# WORK TO COMPLETE
From the entries below, copy every line that holds the word "Fikremerkos".

>>>>

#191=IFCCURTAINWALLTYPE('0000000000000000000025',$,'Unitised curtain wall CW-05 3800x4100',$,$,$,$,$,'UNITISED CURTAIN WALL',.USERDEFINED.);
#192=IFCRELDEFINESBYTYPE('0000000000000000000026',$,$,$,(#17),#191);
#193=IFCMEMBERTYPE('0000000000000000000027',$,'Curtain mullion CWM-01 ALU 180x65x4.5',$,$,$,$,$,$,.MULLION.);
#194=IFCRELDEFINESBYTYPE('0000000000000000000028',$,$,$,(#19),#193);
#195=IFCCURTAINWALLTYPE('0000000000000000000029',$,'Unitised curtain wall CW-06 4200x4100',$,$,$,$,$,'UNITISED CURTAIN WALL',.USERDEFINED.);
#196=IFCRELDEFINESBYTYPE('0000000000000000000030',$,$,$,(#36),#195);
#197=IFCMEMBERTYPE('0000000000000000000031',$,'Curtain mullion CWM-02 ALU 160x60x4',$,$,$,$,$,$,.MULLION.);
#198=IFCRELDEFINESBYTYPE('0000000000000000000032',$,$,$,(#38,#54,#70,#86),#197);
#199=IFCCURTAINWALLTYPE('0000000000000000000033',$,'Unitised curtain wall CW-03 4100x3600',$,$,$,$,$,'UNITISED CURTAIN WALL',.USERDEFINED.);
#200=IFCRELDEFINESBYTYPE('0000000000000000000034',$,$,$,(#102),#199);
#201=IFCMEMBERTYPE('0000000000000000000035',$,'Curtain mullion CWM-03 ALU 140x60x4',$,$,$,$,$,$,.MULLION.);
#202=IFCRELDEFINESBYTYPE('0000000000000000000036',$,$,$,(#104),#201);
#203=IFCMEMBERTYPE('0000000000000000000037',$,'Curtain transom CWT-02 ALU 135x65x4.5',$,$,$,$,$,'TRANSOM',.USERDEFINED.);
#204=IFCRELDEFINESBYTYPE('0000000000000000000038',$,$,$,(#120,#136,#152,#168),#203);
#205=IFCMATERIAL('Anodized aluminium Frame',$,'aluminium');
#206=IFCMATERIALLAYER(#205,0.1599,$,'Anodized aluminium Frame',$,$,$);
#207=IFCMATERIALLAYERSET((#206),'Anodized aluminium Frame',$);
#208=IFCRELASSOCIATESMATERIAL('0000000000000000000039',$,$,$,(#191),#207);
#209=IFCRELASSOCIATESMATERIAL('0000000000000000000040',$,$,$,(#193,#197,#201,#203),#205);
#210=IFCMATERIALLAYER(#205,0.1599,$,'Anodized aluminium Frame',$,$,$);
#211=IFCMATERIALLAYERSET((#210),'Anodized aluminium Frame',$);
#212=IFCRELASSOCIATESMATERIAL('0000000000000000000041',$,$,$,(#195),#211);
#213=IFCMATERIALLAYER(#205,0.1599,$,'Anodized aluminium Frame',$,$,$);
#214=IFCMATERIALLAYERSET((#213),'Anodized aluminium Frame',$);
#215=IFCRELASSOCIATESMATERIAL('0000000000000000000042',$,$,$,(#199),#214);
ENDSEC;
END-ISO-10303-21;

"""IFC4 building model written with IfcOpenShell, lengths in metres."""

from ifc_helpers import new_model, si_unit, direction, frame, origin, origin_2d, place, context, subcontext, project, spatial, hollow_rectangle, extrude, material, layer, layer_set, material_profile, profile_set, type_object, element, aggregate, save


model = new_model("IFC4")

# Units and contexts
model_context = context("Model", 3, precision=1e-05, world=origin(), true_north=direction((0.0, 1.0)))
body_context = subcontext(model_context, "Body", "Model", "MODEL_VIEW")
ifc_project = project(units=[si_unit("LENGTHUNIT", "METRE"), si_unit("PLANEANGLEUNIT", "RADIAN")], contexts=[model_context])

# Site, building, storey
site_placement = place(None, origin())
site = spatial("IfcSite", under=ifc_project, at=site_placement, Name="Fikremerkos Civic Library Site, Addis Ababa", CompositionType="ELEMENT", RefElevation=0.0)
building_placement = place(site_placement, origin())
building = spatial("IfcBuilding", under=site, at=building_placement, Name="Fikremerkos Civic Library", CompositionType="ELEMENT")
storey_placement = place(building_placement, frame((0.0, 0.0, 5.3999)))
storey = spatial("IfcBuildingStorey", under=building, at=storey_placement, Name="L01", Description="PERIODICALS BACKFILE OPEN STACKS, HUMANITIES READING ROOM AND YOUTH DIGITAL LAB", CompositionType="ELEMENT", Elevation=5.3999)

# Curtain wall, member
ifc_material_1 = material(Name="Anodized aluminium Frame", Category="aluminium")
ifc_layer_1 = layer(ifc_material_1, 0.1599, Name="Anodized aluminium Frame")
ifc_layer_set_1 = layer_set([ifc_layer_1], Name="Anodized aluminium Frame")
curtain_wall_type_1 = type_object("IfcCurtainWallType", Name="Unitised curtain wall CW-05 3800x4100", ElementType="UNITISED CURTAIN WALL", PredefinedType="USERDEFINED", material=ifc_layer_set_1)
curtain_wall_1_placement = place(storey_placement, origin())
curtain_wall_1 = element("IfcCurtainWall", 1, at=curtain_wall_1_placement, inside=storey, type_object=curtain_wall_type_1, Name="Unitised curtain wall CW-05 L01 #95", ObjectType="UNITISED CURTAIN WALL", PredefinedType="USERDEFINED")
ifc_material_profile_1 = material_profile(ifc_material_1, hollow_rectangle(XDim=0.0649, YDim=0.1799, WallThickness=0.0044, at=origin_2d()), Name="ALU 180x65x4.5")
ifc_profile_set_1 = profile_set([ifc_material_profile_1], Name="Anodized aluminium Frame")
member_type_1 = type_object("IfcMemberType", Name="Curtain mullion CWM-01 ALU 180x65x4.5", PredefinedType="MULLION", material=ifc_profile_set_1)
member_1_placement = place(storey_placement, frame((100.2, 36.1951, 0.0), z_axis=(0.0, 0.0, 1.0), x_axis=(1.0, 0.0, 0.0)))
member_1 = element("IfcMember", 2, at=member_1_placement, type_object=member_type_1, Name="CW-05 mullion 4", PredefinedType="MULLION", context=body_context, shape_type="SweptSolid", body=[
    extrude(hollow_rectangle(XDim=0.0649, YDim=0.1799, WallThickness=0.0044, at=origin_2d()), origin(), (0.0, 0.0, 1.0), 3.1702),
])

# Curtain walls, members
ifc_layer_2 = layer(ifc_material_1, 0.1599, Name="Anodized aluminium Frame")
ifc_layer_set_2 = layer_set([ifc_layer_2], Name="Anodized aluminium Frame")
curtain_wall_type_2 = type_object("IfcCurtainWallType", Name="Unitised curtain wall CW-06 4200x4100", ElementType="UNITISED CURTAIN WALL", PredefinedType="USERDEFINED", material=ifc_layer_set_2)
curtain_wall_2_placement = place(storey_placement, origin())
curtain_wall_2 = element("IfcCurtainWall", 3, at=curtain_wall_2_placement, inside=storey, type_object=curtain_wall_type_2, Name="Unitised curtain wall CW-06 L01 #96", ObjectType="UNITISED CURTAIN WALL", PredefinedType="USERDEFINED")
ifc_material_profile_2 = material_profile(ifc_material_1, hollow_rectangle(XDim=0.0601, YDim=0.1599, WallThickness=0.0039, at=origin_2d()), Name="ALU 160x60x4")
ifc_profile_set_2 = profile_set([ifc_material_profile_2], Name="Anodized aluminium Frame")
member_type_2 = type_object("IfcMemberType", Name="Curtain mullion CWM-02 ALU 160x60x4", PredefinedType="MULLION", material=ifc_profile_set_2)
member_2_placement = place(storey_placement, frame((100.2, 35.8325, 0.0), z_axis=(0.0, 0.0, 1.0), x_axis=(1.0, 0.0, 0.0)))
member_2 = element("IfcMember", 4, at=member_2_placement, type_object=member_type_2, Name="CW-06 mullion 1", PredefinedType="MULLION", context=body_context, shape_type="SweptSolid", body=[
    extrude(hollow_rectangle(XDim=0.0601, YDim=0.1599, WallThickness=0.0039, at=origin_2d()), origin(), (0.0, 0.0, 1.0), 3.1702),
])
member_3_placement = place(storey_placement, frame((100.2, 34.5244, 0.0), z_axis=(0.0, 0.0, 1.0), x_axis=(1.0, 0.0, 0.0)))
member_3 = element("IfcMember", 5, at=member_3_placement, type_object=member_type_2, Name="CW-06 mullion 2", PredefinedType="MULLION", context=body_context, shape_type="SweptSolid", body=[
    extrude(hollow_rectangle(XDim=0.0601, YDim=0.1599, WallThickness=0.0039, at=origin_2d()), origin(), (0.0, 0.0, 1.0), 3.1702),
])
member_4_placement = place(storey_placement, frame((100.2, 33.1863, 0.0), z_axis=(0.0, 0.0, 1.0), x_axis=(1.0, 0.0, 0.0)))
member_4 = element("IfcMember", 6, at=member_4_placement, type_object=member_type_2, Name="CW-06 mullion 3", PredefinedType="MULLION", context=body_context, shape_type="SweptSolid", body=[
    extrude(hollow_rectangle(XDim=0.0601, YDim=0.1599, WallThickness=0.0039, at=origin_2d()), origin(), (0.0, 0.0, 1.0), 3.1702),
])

<<<<

# YOUR RESPONSE
site = spatial("IfcSite", under=ifc_project, at=site_placement, Name="Fikremerkos Civic Library Site, Addis Ababa", CompositionType="ELEMENT", RefElevation=0.0)
building = spatial("IfcBuilding", under=site, at=building_placement, Name="Fikremerkos Civic Library", CompositionType="ELEMENT")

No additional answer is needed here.